- Opening Delimiter -
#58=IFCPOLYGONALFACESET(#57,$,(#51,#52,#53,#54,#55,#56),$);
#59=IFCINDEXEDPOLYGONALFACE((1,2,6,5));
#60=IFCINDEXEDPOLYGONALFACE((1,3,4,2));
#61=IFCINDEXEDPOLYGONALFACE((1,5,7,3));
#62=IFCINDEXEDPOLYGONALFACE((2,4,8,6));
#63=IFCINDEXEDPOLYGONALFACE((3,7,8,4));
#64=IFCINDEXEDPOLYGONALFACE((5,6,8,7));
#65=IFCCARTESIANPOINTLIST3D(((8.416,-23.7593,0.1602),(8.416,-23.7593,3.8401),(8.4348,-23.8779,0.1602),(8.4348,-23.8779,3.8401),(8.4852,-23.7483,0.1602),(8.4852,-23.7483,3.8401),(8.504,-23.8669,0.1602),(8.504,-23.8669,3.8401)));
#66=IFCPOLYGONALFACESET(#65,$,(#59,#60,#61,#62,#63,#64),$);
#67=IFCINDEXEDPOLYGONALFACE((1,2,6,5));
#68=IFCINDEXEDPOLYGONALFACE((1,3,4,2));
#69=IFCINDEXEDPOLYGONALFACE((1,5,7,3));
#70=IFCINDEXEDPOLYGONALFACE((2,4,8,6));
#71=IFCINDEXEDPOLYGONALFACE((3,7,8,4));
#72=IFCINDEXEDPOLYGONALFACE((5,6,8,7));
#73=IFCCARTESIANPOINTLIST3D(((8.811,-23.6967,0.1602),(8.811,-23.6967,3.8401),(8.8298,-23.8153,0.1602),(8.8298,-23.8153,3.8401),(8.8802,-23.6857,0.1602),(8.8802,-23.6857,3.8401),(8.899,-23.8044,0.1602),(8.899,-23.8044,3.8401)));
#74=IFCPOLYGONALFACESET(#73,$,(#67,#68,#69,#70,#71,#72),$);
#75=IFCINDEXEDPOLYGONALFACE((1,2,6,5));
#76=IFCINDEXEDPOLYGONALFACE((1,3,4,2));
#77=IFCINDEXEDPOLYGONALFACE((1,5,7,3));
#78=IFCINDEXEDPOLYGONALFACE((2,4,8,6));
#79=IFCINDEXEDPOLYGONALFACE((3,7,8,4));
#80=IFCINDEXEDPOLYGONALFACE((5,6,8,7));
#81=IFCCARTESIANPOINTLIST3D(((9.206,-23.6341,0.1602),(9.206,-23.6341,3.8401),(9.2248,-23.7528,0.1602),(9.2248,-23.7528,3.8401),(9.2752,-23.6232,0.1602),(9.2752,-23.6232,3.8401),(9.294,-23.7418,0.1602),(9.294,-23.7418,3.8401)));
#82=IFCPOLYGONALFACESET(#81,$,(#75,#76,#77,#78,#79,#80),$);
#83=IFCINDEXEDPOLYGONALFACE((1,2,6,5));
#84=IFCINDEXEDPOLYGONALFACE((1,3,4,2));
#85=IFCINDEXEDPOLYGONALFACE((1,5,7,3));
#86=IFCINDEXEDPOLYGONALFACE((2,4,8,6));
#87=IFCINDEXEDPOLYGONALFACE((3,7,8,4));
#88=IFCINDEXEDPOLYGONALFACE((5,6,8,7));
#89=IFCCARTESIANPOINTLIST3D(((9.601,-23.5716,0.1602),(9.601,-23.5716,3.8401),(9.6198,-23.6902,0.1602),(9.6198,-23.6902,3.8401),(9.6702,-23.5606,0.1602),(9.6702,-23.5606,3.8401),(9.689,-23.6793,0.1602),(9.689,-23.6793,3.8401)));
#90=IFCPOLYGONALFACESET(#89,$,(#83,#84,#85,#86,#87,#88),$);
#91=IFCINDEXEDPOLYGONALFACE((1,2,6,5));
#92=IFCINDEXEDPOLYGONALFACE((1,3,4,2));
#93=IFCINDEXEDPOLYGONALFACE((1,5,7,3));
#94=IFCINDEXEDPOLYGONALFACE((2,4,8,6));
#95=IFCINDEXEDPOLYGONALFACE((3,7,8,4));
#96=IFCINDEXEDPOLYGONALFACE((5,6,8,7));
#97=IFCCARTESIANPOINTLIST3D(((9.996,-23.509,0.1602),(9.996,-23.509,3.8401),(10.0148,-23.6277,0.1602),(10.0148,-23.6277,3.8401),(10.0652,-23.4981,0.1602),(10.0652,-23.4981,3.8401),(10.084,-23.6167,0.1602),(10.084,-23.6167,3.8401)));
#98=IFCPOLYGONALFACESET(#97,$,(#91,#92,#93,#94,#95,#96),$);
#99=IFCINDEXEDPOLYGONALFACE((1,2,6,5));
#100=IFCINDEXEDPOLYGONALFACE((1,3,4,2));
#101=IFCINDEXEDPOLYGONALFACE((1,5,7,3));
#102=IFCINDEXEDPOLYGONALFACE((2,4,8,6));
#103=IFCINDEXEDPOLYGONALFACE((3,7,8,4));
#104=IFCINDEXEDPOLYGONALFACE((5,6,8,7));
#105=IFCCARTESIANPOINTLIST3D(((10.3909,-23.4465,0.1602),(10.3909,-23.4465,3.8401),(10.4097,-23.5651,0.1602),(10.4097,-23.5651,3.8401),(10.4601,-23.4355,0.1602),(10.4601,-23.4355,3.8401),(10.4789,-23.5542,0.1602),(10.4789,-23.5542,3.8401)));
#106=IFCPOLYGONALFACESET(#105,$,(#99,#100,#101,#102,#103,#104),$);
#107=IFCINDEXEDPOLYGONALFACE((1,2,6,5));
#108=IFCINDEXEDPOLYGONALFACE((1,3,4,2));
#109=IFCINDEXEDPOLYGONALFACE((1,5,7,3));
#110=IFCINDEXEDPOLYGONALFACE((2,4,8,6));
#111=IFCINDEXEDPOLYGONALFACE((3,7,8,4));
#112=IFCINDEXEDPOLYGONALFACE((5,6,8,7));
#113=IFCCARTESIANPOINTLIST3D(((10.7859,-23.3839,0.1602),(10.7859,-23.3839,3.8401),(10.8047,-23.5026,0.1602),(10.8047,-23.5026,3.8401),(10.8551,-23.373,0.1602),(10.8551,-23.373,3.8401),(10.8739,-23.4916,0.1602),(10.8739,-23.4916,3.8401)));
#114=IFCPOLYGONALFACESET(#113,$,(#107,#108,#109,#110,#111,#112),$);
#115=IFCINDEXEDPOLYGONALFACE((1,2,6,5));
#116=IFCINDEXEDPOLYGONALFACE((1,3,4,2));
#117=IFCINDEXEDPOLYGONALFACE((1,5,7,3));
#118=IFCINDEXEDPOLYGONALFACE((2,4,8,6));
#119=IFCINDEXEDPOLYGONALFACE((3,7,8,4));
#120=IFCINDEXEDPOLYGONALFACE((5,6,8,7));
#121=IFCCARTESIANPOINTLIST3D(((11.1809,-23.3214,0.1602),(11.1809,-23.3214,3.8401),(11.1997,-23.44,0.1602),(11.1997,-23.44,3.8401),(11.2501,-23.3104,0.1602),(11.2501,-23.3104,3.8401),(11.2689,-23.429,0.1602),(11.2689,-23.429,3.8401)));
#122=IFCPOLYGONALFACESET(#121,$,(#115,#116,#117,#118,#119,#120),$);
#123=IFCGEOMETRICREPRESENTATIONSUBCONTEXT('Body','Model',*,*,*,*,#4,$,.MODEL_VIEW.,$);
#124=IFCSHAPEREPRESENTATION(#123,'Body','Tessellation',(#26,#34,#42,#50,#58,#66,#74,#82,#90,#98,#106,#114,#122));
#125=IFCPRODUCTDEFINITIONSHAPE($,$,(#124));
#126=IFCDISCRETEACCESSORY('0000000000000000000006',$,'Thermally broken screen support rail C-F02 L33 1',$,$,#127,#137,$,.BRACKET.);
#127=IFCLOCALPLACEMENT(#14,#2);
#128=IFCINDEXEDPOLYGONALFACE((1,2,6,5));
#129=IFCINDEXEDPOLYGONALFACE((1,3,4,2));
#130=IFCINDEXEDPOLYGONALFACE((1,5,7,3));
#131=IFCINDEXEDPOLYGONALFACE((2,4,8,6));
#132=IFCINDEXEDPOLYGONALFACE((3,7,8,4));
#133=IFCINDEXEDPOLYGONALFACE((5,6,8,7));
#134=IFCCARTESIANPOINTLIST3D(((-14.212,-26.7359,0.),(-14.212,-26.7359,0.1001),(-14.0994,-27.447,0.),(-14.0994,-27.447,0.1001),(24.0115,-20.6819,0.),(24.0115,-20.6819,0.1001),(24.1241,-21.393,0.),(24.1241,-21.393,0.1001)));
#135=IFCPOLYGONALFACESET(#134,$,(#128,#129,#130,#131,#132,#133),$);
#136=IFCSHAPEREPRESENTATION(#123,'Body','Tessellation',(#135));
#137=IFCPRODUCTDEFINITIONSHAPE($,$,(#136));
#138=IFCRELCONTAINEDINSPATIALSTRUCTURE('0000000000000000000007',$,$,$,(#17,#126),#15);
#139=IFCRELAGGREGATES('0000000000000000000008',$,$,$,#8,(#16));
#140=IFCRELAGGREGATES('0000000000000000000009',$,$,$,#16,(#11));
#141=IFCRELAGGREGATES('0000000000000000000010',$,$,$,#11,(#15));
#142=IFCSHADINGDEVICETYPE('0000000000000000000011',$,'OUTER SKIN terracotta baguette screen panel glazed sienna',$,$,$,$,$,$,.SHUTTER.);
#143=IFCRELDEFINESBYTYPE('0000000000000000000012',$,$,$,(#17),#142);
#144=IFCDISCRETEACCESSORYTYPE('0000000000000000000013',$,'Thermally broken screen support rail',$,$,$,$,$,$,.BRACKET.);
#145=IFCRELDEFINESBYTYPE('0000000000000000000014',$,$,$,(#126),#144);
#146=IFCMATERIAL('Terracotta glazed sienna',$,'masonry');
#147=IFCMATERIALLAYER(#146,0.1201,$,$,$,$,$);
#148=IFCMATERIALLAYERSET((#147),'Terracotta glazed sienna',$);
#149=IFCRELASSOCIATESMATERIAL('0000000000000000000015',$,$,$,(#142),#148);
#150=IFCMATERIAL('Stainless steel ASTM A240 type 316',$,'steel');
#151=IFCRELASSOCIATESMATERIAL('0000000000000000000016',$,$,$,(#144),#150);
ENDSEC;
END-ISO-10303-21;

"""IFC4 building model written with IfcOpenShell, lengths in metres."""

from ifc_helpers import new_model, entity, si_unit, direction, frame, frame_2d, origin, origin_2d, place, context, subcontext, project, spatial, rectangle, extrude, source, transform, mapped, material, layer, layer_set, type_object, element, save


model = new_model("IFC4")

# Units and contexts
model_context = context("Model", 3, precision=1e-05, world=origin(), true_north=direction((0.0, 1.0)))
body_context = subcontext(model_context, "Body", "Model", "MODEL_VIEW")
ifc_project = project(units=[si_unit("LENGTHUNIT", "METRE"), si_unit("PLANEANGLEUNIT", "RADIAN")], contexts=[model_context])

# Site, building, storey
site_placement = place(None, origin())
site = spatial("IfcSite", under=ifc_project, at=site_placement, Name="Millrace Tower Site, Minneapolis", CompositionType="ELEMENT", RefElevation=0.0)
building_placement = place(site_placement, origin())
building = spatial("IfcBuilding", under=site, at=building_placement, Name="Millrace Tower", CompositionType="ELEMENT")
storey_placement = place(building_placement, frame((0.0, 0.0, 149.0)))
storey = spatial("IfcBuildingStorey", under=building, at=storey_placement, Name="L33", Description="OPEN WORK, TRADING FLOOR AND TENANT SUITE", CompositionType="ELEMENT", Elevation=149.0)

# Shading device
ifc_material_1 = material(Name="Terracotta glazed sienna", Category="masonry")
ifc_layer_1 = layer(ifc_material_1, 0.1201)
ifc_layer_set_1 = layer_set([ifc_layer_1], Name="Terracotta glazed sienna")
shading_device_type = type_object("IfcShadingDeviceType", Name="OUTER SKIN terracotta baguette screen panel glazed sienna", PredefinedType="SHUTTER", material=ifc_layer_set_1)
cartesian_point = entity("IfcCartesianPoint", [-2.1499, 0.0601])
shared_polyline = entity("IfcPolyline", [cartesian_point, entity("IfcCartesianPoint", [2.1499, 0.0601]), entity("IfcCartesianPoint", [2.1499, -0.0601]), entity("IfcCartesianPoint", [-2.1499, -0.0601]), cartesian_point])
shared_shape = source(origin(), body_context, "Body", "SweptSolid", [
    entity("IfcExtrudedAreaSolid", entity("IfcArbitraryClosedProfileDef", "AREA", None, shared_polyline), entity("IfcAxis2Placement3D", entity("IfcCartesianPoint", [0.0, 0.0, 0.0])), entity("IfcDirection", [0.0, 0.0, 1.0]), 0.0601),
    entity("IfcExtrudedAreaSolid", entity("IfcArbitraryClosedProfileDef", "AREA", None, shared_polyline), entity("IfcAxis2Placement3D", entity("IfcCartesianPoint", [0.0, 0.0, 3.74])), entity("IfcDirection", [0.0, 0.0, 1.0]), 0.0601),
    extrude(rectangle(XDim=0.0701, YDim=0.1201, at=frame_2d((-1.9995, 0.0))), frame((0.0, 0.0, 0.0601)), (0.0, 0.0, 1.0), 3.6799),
- Closing Delimiter -
- Opening Delimiter -
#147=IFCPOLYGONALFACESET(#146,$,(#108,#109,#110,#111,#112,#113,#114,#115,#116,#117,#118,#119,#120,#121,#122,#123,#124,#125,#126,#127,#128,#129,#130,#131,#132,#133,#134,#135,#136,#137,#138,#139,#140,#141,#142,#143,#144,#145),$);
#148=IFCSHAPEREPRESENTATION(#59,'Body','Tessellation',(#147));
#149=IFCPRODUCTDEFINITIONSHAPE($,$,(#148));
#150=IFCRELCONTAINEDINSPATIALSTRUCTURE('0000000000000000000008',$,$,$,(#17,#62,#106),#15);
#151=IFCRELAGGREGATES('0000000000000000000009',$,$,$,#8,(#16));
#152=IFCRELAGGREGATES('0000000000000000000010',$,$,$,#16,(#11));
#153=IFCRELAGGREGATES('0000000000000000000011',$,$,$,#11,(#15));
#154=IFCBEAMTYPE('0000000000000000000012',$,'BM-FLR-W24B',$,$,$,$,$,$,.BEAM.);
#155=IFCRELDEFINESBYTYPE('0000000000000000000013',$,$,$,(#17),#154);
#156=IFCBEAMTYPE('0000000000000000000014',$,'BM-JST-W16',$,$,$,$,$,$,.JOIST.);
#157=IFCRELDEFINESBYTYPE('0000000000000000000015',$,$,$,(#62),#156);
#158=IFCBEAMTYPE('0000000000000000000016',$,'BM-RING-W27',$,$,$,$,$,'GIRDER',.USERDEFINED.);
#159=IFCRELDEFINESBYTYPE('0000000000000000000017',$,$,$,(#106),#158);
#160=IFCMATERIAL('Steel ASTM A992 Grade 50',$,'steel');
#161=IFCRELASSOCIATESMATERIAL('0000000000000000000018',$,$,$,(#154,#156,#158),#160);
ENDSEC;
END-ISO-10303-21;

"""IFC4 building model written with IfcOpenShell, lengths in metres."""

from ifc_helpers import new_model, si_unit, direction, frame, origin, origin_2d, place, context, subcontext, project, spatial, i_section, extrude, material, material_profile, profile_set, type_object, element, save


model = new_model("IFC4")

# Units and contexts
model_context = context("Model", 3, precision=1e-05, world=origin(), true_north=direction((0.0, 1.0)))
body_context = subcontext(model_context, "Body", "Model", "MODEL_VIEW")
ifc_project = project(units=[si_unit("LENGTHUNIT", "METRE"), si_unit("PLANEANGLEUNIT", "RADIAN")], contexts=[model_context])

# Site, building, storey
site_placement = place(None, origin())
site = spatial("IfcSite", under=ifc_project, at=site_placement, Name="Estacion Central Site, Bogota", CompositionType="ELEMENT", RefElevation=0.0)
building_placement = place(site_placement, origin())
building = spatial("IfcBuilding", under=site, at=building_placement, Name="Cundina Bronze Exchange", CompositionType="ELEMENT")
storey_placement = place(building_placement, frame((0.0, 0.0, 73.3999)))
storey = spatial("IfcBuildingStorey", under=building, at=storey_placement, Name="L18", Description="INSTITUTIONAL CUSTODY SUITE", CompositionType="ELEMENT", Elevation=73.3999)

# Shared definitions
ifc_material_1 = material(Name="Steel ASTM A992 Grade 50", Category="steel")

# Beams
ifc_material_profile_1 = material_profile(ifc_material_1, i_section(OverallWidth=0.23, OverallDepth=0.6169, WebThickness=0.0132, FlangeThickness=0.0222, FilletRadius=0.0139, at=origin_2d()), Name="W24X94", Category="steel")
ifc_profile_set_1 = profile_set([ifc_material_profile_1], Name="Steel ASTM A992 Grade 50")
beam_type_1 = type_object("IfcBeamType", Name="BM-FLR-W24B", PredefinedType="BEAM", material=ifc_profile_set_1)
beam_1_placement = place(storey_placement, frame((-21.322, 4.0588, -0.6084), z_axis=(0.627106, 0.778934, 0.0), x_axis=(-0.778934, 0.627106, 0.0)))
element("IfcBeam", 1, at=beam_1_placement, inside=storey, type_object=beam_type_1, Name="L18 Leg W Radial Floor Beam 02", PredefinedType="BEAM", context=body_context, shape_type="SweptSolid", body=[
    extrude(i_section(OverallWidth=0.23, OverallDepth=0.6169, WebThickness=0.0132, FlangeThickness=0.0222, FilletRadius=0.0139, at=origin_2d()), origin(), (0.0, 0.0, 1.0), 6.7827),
- Closing Delimiter -
In the listing above, find the line with "#96=IFCINDEXEDPOLYGONALFACE((5,6,8,7));" and the line with "#115=IFCINDEXEDPOLYGONALFACE((1,2,6,5));", then print exactly those two lines and every line between them, and nothing more.

Solved exercise →
#96=IFCINDEXEDPOLYGONALFACE((5,6,8,7));
#97=IFCCARTESIANPOINTLIST3D(((9.996,-23.509,0.1602),(9.996,-23.509,3.8401),(10.0148,-23.6277,0.1602),(10.0148,-23.6277,3.8401),(10.0652,-23.4981,0.1602),(10.0652,-23.4981,3.8401),(10.084,-23.6167,0.1602),(10.084,-23.6167,3.8401)));
#98=IFCPOLYGONALFACESET(#97,$,(#91,#92,#93,#94,#95,#96),$);
#99=IFCINDEXEDPOLYGONALFACE((1,2,6,5));
#100=IFCINDEXEDPOLYGONALFACE((1,3,4,2));
#101=IFCINDEXEDPOLYGONALFACE((1,5,7,3));
#102=IFCINDEXEDPOLYGONALFACE((2,4,8,6));
#103=IFCINDEXEDPOLYGONALFACE((3,7,8,4));
#104=IFCINDEXEDPOLYGONALFACE((5,6,8,7));
#105=IFCCARTESIANPOINTLIST3D(((10.3909,-23.4465,0.1602),(10.3909,-23.4465,3.8401),(10.4097,-23.5651,0.1602),(10.4097,-23.5651,3.8401),(10.4601,-23.4355,0.1602),(10.4601,-23.4355,3.8401),(10.4789,-23.5542,0.1602),(10.4789,-23.5542,3.8401)));
#106=IFCPOLYGONALFACESET(#105,$,(#99,#100,#101,#102,#103,#104),$);
#107=IFCINDEXEDPOLYGONALFACE((1,2,6,5));
#108=IFCINDEXEDPOLYGONALFACE((1,3,4,2));
#109=IFCINDEXEDPOLYGONALFACE((1,5,7,3));
#110=IFCINDEXEDPOLYGONALFACE((2,4,8,6));
#111=IFCINDEXEDPOLYGONALFACE((3,7,8,4));
#112=IFCINDEXEDPOLYGONALFACE((5,6,8,7));
#113=IFCCARTESIANPOINTLIST3D(((10.7859,-23.3839,0.1602),(10.7859,-23.3839,3.8401),(10.8047,-23.5026,0.1602),(10.8047,-23.5026,3.8401),(10.8551,-23.373,0.1602),(10.8551,-23.373,3.8401),(10.8739,-23.4916,0.1602),(10.8739,-23.4916,3.8401)));
#114=IFCPOLYGONALFACESET(#113,$,(#107,#108,#109,#110,#111,#112),$);
#115=IFCINDEXEDPOLYGONALFACE((1,2,6,5));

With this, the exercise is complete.